#### Instructions for the task:
Return every line from the records below in which the word "IFCRELASSOCIATESMATERIAL" is found.

Stored items:
☆ ☆ ☆ ☆ ☆
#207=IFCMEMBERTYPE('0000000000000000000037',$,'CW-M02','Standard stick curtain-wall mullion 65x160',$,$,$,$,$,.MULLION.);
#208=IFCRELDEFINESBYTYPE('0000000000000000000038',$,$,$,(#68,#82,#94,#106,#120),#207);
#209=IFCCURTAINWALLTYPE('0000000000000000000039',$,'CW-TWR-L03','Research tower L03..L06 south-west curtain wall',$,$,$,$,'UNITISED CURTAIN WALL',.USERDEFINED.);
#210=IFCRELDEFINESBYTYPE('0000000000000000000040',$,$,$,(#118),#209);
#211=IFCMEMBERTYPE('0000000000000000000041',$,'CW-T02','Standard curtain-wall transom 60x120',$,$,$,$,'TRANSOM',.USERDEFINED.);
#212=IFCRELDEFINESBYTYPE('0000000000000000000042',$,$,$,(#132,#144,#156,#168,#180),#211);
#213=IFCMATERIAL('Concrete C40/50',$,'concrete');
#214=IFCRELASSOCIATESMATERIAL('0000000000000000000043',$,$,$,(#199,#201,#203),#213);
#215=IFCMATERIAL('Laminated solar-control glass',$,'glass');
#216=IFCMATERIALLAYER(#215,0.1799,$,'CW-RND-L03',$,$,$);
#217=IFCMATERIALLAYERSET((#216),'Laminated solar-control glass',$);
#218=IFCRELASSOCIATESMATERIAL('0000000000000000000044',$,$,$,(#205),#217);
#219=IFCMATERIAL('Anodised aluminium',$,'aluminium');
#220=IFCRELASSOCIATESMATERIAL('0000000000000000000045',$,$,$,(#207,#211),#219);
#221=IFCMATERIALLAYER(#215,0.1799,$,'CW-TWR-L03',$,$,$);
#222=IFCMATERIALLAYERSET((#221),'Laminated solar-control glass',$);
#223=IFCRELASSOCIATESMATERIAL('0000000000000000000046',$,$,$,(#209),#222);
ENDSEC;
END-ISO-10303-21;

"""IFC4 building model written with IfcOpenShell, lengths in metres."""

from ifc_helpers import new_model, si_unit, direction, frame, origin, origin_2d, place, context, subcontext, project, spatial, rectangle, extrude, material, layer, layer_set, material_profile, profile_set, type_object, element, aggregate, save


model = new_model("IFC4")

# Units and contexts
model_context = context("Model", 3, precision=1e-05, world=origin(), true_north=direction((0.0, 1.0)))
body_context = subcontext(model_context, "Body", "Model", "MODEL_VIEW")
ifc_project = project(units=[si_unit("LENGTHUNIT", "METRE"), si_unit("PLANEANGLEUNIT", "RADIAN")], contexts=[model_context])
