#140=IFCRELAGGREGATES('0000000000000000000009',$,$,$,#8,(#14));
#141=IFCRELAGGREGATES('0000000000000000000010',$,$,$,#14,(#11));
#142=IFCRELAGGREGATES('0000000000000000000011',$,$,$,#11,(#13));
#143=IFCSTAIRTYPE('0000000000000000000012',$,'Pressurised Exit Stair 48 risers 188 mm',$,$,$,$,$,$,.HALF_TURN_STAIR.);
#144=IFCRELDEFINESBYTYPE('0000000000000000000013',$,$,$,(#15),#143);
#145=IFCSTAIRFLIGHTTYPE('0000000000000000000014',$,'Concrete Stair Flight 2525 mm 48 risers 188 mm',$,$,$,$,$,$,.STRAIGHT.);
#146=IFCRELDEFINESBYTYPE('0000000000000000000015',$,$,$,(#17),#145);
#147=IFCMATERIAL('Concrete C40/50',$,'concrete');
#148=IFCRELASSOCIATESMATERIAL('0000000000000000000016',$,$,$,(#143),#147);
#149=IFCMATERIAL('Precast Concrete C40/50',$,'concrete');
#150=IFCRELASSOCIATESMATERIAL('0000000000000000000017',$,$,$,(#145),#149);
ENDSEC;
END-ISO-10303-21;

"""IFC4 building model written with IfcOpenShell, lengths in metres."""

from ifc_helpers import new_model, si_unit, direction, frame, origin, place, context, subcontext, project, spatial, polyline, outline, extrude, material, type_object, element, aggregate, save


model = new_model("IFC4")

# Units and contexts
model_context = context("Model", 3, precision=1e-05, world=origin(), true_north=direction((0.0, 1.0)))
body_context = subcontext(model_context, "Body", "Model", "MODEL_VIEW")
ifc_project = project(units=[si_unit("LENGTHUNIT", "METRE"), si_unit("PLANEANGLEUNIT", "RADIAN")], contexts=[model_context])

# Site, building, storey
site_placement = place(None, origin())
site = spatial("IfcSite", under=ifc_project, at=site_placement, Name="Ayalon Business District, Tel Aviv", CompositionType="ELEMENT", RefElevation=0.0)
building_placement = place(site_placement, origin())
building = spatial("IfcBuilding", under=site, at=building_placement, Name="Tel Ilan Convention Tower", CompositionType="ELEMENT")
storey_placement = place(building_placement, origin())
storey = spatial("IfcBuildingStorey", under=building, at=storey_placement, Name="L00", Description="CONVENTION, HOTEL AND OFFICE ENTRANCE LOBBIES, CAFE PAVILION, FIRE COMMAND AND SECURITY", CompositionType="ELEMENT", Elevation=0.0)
☆ ☆ ☆ ☆ ☆
#### Task output:
#214=IFCRELASSOCIATESMATERIAL('0000000000000000000043',$,$,$,(#199,#201,#203),#213);
#218=IFCRELASSOCIATESMATERIAL('0000000000000000000044',$,$,$,(#205),#217);
#220=IFCRELASSOCIATESMATERIAL('0000000000000000000045',$,$,$,(#207,#211),#219);
#223=IFCRELASSOCIATESMATERIAL('0000000000000000000046',$,$,$,(#209),#222);
#148=IFCRELASSOCIATESMATERIAL('0000000000000000000016',$,$,$,(#143),#147);
#150=IFCRELASSOCIATESMATERIAL('0000000000000000000017',$,$,$,(#145),#149);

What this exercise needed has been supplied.